* _Problem requirements_: The range starts at the line containing "#98=IFCINDEXEDPOLYGONALFACE((8,64,66,10));" and ends at the last line of the records below. Reproduce those lines exactly.
Task input START
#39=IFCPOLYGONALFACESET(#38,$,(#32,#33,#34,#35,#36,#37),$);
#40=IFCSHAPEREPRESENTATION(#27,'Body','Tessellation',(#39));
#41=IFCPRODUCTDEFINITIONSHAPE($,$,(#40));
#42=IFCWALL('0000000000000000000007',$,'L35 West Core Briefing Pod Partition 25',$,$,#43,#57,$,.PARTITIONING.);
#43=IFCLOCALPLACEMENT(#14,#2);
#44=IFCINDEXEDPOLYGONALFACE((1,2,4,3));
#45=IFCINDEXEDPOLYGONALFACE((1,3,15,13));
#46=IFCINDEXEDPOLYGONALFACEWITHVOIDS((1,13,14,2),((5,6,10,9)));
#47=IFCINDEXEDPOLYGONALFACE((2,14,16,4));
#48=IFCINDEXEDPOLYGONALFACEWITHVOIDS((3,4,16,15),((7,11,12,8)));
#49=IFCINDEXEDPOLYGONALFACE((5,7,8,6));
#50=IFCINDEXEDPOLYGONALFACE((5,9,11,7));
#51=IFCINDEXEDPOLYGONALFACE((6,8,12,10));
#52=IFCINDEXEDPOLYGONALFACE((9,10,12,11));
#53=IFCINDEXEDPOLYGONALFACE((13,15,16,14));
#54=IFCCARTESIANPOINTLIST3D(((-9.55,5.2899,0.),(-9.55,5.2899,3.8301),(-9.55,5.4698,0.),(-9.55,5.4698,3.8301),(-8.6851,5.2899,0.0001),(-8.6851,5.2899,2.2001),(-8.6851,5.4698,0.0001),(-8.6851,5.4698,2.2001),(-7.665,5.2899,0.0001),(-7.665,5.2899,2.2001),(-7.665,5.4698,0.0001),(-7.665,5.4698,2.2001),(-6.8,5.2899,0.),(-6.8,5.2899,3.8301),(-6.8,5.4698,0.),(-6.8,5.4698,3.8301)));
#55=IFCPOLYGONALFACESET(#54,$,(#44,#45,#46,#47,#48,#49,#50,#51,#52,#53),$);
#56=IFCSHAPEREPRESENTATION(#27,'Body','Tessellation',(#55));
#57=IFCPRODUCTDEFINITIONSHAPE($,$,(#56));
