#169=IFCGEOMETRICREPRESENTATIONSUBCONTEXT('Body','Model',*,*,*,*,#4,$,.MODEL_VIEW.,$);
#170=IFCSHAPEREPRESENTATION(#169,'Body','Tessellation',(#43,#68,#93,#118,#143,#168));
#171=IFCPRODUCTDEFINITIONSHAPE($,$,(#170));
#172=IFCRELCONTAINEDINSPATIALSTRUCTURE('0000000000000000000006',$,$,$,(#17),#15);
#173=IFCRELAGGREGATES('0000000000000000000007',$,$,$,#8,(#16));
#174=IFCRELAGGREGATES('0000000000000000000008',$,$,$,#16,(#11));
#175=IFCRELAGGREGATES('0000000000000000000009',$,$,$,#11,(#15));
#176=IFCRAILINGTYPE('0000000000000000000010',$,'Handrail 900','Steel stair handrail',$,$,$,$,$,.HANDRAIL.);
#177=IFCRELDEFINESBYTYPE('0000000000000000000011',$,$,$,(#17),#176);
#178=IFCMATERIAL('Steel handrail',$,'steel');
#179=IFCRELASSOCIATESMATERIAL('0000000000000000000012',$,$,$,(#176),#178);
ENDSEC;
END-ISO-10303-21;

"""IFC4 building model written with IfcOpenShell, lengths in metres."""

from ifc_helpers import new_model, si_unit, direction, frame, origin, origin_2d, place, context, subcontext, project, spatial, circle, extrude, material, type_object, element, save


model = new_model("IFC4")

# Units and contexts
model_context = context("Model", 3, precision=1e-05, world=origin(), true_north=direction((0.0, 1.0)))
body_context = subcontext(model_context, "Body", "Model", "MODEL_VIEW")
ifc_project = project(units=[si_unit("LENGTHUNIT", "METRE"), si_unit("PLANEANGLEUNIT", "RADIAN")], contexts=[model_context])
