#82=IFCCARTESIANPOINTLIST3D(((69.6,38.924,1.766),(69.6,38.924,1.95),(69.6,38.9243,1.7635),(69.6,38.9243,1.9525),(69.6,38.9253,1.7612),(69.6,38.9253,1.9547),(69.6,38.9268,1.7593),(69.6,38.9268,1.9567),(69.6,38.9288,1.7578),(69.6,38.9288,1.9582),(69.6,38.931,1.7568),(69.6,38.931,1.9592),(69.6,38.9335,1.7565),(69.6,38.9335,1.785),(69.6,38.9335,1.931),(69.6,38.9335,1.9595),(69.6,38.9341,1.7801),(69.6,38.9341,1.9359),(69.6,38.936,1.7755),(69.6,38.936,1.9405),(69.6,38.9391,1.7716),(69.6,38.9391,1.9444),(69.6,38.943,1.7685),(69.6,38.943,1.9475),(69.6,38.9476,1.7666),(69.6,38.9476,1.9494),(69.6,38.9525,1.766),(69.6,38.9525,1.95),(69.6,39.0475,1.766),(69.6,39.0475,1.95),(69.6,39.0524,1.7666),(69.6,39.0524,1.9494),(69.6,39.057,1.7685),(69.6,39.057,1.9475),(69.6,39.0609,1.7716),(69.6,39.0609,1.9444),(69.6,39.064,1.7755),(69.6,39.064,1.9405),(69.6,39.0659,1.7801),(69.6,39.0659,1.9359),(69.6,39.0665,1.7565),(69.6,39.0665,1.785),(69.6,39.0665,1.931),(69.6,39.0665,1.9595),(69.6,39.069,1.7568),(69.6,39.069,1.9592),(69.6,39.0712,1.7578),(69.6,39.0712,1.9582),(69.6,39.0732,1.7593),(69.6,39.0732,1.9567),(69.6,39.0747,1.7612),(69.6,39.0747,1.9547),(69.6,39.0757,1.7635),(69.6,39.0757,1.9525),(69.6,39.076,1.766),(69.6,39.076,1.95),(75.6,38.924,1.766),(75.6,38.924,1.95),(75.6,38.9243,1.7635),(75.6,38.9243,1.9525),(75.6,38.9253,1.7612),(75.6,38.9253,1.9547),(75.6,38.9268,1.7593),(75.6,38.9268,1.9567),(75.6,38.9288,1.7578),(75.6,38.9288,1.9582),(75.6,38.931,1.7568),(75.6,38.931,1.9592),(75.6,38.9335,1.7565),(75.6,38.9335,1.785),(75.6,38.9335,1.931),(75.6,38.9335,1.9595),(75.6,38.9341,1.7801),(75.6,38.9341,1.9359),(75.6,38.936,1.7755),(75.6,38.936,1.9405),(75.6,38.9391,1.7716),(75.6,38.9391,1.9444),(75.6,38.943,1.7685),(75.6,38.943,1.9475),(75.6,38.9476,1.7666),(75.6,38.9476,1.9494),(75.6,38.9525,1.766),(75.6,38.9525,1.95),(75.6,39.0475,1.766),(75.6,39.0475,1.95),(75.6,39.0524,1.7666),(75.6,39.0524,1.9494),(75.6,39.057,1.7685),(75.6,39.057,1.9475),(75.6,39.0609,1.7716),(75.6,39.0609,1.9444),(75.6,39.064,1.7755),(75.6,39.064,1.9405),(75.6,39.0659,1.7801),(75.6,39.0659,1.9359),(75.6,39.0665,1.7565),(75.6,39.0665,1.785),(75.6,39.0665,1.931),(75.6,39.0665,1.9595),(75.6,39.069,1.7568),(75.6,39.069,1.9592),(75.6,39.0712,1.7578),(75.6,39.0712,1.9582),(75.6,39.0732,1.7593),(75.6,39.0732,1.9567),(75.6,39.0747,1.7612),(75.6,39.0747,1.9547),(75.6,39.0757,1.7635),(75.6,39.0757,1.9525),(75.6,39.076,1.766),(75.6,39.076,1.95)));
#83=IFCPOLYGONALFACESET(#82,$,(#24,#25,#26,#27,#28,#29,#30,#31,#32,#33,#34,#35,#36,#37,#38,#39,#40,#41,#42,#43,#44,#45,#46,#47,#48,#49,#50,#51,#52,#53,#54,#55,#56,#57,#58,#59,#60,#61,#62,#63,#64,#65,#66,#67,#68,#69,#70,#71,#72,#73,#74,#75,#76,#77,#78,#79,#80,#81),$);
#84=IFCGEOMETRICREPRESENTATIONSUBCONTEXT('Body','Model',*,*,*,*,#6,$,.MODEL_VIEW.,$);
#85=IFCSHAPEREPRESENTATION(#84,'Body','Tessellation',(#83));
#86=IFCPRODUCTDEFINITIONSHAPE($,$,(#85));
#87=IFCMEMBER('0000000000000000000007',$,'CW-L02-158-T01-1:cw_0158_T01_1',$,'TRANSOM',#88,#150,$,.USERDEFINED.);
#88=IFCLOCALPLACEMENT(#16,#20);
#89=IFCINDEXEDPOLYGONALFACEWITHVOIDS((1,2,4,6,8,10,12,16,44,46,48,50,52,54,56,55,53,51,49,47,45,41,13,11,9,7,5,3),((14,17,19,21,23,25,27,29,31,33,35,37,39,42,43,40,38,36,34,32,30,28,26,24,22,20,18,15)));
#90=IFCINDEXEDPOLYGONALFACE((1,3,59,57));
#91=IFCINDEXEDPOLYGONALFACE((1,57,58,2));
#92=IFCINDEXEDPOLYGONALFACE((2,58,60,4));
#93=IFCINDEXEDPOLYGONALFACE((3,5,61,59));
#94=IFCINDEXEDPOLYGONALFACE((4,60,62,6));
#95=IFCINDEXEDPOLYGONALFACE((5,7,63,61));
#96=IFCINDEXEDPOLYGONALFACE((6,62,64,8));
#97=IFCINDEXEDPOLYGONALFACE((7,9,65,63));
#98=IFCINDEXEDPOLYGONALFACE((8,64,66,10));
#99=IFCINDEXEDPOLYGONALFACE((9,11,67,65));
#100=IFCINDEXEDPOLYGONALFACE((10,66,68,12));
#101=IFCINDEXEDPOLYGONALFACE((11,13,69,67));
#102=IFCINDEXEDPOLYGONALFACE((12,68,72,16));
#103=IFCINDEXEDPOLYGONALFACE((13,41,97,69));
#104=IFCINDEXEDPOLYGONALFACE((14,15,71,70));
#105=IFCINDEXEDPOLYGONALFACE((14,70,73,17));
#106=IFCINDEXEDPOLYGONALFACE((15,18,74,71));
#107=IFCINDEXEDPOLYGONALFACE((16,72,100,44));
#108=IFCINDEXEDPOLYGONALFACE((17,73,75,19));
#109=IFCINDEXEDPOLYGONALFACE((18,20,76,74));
Task input END
* _Response below_:
#98=IFCINDEXEDPOLYGONALFACE((8,64,66,10));
#99=IFCINDEXEDPOLYGONALFACE((9,11,67,65));
#100=IFCINDEXEDPOLYGONALFACE((10,66,68,12));
#101=IFCINDEXEDPOLYGONALFACE((11,13,69,67));
#102=IFCINDEXEDPOLYGONALFACE((12,68,72,16));
#103=IFCINDEXEDPOLYGONALFACE((13,41,97,69));
#104=IFCINDEXEDPOLYGONALFACE((14,15,71,70));
#105=IFCINDEXEDPOLYGONALFACE((14,70,73,17));
#106=IFCINDEXEDPOLYGONALFACE((15,18,74,71));
#107=IFCINDEXEDPOLYGONALFACE((16,72,100,44));
#108=IFCINDEXEDPOLYGONALFACE((17,73,75,19));
#109=IFCINDEXEDPOLYGONALFACE((18,20,76,74));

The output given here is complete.